THE PROBLEM:
Could you say how many lines in the records include "IFCRELAGGREGATES"? Please give the number by itself.

+ + + + + + +

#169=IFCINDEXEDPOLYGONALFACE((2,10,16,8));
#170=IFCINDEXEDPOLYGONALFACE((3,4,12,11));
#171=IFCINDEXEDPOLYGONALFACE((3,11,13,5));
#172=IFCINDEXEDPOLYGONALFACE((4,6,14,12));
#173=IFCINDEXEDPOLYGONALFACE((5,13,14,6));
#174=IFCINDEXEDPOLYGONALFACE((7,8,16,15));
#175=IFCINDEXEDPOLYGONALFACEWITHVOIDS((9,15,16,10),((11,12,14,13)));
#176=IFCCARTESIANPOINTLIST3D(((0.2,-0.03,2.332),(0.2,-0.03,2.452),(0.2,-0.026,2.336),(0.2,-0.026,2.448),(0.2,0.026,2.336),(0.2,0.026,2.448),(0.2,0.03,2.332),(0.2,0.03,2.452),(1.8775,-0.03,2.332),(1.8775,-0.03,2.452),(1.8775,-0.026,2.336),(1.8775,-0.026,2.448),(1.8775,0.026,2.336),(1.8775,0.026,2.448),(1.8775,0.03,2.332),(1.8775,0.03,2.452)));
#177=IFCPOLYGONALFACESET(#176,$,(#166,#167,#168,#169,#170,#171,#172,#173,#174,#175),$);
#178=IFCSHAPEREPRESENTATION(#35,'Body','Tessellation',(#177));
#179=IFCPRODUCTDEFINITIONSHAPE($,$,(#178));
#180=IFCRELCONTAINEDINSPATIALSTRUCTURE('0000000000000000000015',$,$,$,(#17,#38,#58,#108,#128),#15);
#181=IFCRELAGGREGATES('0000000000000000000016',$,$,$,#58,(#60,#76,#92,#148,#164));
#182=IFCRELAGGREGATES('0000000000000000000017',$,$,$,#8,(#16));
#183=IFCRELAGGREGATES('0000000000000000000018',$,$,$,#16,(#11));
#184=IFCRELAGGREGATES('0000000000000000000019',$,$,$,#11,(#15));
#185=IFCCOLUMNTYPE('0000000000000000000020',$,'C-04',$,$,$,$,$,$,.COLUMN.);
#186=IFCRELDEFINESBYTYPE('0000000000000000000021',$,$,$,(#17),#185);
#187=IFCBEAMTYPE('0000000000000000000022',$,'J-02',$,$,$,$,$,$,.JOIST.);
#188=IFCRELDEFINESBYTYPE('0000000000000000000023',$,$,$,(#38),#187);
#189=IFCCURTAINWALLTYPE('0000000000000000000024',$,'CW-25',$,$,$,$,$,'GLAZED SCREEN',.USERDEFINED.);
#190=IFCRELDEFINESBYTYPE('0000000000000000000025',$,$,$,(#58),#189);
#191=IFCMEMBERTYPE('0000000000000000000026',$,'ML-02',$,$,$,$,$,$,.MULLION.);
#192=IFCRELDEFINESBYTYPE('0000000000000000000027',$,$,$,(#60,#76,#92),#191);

+ + + + + + +

EXERCISE RESULT:
4